| Task prompt |
In the entries below, find the line with "#20=IFCINDEXEDPOLYGONALFACEWITHVOIDS((1,3,15,13),((5,9,11,7)));" and print exactly every line from there up to and including the line with "#26=IFCINDEXEDPOLYGONALFACE((7,11,12,8));", with no other lines.

Stored data entries:
________________________
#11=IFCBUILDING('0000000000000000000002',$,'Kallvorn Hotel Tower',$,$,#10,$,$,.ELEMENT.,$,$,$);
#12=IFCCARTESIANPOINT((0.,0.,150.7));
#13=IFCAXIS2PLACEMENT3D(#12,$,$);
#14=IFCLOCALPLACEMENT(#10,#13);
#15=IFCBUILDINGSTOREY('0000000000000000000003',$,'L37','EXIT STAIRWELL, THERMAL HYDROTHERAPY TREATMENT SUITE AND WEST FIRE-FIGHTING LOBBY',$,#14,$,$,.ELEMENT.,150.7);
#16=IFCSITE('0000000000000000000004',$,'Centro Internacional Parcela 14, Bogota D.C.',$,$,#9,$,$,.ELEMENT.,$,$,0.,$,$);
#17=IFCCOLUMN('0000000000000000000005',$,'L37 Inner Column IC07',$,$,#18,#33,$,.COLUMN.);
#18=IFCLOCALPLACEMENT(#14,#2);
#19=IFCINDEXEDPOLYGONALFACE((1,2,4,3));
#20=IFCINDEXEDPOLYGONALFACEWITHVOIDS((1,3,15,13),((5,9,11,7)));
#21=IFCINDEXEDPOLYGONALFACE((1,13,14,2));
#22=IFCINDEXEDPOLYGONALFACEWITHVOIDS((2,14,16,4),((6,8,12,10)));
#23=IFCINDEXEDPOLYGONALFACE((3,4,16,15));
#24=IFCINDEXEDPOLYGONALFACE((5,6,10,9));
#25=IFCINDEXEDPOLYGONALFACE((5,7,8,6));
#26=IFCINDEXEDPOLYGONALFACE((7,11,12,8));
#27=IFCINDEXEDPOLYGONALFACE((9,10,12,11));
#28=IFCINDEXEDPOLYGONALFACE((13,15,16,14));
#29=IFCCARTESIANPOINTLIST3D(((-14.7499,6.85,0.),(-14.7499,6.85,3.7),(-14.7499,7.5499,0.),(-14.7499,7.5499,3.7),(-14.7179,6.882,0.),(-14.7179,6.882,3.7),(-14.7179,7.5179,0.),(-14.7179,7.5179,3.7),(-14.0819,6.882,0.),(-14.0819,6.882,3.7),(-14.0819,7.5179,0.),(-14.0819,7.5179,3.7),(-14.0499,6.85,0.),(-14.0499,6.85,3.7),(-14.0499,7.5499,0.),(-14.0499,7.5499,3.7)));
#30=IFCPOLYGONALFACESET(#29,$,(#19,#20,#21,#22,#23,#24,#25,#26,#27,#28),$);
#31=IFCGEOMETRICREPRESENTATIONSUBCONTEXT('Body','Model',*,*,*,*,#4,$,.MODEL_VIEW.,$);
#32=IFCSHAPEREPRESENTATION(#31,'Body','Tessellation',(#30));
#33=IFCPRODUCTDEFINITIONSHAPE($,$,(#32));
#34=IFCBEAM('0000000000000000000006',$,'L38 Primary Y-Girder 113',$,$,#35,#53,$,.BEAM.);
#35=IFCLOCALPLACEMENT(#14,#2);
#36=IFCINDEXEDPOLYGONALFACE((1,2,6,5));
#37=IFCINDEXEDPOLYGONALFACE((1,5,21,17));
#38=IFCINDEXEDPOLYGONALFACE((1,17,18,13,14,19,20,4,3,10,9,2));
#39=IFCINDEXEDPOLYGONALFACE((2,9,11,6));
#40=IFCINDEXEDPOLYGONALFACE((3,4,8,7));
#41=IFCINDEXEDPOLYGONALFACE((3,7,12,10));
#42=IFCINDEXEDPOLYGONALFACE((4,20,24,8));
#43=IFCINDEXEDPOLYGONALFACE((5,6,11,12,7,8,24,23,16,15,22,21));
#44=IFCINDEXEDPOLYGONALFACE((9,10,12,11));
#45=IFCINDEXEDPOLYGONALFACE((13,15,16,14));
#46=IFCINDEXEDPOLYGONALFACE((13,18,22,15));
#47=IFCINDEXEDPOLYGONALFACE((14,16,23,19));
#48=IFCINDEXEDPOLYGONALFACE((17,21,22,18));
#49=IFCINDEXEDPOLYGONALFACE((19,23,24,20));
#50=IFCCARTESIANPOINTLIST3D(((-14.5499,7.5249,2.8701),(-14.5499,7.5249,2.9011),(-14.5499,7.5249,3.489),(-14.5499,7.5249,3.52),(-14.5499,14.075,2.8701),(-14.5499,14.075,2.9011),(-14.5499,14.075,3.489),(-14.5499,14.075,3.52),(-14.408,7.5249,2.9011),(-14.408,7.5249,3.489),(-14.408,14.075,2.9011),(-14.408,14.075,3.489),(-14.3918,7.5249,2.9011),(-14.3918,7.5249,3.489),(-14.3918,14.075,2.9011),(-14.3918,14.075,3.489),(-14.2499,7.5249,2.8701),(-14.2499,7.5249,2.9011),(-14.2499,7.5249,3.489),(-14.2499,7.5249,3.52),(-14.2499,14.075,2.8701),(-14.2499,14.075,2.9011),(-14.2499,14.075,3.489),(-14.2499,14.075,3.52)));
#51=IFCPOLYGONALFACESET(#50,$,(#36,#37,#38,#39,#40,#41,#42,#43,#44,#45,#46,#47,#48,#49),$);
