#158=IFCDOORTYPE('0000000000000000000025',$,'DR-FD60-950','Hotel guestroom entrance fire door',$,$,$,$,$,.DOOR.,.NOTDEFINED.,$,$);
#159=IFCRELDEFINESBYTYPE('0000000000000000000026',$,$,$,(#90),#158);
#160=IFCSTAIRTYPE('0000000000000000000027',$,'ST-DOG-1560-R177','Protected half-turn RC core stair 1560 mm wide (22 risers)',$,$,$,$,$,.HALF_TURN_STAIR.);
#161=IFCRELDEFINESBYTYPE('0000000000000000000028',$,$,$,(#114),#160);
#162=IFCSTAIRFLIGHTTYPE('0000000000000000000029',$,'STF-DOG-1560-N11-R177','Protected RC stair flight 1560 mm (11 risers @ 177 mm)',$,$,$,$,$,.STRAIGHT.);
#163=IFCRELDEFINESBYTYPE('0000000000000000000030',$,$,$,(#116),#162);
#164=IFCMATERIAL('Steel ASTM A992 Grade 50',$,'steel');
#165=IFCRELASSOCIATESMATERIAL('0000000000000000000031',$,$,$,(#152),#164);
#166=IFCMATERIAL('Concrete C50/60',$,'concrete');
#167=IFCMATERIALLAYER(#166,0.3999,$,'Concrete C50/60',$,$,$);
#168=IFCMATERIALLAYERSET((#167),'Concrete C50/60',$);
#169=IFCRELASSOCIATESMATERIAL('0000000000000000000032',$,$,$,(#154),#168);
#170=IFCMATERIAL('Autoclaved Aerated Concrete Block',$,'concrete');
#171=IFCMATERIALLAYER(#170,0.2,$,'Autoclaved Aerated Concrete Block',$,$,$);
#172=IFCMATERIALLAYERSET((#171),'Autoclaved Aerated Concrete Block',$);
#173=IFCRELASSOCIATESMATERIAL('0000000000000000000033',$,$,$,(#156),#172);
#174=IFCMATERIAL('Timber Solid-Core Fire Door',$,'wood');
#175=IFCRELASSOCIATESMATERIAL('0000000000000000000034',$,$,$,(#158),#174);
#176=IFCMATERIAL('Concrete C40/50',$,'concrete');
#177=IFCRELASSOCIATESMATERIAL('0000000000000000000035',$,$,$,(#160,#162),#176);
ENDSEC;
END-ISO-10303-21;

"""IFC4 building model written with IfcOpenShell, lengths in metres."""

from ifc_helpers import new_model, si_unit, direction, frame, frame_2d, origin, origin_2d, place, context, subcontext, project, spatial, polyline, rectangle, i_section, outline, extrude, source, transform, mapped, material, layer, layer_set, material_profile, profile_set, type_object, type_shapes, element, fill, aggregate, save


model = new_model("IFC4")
________________________
| Response to this exercise |
#20=IFCINDEXEDPOLYGONALFACEWITHVOIDS((1,3,15,13),((5,9,11,7)));
#21=IFCINDEXEDPOLYGONALFACE((1,13,14,2));
#22=IFCINDEXEDPOLYGONALFACEWITHVOIDS((2,14,16,4),((6,8,12,10)));
#23=IFCINDEXEDPOLYGONALFACE((3,4,16,15));
#24=IFCINDEXEDPOLYGONALFACE((5,6,10,9));
#25=IFCINDEXEDPOLYGONALFACE((5,7,8,6));
#26=IFCINDEXEDPOLYGONALFACE((7,11,12,8));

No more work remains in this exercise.